Copy exactly, and copy only, the lines from the one bearing "#188=IFCMATERIALLAYERSET((#187),'PW-200 plumbing wall',$);" through the final line of the records.

====

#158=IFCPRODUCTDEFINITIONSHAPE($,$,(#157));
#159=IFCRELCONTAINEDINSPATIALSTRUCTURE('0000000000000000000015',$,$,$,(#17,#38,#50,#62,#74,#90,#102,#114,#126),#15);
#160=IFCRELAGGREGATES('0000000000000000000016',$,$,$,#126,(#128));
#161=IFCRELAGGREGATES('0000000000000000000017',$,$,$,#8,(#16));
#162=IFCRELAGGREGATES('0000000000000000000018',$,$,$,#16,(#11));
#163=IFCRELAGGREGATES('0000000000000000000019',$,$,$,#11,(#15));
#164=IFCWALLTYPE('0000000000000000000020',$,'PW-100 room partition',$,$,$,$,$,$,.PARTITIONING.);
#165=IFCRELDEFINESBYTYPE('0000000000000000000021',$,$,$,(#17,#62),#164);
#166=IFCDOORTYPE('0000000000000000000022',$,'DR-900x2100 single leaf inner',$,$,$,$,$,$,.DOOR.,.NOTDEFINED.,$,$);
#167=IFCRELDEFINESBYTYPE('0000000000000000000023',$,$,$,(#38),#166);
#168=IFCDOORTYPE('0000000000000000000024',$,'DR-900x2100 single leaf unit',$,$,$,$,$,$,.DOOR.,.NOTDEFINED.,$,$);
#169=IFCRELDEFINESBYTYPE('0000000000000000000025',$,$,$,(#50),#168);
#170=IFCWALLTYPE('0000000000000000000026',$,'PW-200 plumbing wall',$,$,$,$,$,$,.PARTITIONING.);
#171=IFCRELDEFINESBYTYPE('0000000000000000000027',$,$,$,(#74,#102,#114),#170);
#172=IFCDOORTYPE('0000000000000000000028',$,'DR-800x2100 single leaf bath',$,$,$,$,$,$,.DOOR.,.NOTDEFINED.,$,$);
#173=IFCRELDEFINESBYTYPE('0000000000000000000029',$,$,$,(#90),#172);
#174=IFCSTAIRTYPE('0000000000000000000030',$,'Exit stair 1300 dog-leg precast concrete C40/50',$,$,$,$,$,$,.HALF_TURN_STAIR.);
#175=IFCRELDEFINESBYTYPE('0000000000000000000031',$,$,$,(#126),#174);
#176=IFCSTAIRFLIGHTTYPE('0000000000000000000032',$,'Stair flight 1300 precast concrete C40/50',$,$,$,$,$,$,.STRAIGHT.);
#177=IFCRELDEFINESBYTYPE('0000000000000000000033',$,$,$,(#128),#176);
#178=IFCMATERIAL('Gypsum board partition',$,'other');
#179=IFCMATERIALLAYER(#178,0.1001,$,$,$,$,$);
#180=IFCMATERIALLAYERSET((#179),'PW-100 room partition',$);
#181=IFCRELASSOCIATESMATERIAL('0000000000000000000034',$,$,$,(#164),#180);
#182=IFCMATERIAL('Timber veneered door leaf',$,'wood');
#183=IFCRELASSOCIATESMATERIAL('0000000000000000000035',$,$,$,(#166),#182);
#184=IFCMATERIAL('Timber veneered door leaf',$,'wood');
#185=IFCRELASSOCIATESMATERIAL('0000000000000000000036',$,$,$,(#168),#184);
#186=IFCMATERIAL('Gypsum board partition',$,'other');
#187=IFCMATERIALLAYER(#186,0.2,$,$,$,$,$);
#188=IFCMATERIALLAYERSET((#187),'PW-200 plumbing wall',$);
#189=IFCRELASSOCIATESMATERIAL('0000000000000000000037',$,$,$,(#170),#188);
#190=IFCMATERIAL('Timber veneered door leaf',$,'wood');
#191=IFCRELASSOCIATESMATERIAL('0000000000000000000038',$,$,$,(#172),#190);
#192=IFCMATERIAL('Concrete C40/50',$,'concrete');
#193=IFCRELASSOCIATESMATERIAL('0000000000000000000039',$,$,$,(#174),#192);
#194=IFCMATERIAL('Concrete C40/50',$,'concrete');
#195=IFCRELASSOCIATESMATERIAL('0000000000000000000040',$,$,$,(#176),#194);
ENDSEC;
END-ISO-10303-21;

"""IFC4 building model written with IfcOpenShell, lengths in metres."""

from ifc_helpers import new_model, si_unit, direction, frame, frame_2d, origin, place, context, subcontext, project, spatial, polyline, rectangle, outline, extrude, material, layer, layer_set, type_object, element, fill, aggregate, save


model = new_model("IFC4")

====

#### Solved problem:
#188=IFCMATERIALLAYERSET((#187),'PW-200 plumbing wall',$);
#189=IFCRELASSOCIATESMATERIAL('0000000000000000000037',$,$,$,(#170),#188);
#190=IFCMATERIAL('Timber veneered door leaf',$,'wood');
#191=IFCRELASSOCIATESMATERIAL('0000000000000000000038',$,$,$,(#172),#190);
#192=IFCMATERIAL('Concrete C40/50',$,'concrete');
#193=IFCRELASSOCIATESMATERIAL('0000000000000000000039',$,$,$,(#174),#192);
#194=IFCMATERIAL('Concrete C40/50',$,'concrete');
#195=IFCRELASSOCIATESMATERIAL('0000000000000000000040',$,$,$,(#176),#194);
ENDSEC;
END-ISO-10303-21;

"""IFC4 building model written with IfcOpenShell, lengths in metres."""

from ifc_helpers import new_model, si_unit, direction, frame, frame_2d, origin, place, context, subcontext, project, spatial, polyline, rectangle, outline, extrude, material, layer, layer_set, type_object, element, fill, aggregate, save


model = new_model("IFC4")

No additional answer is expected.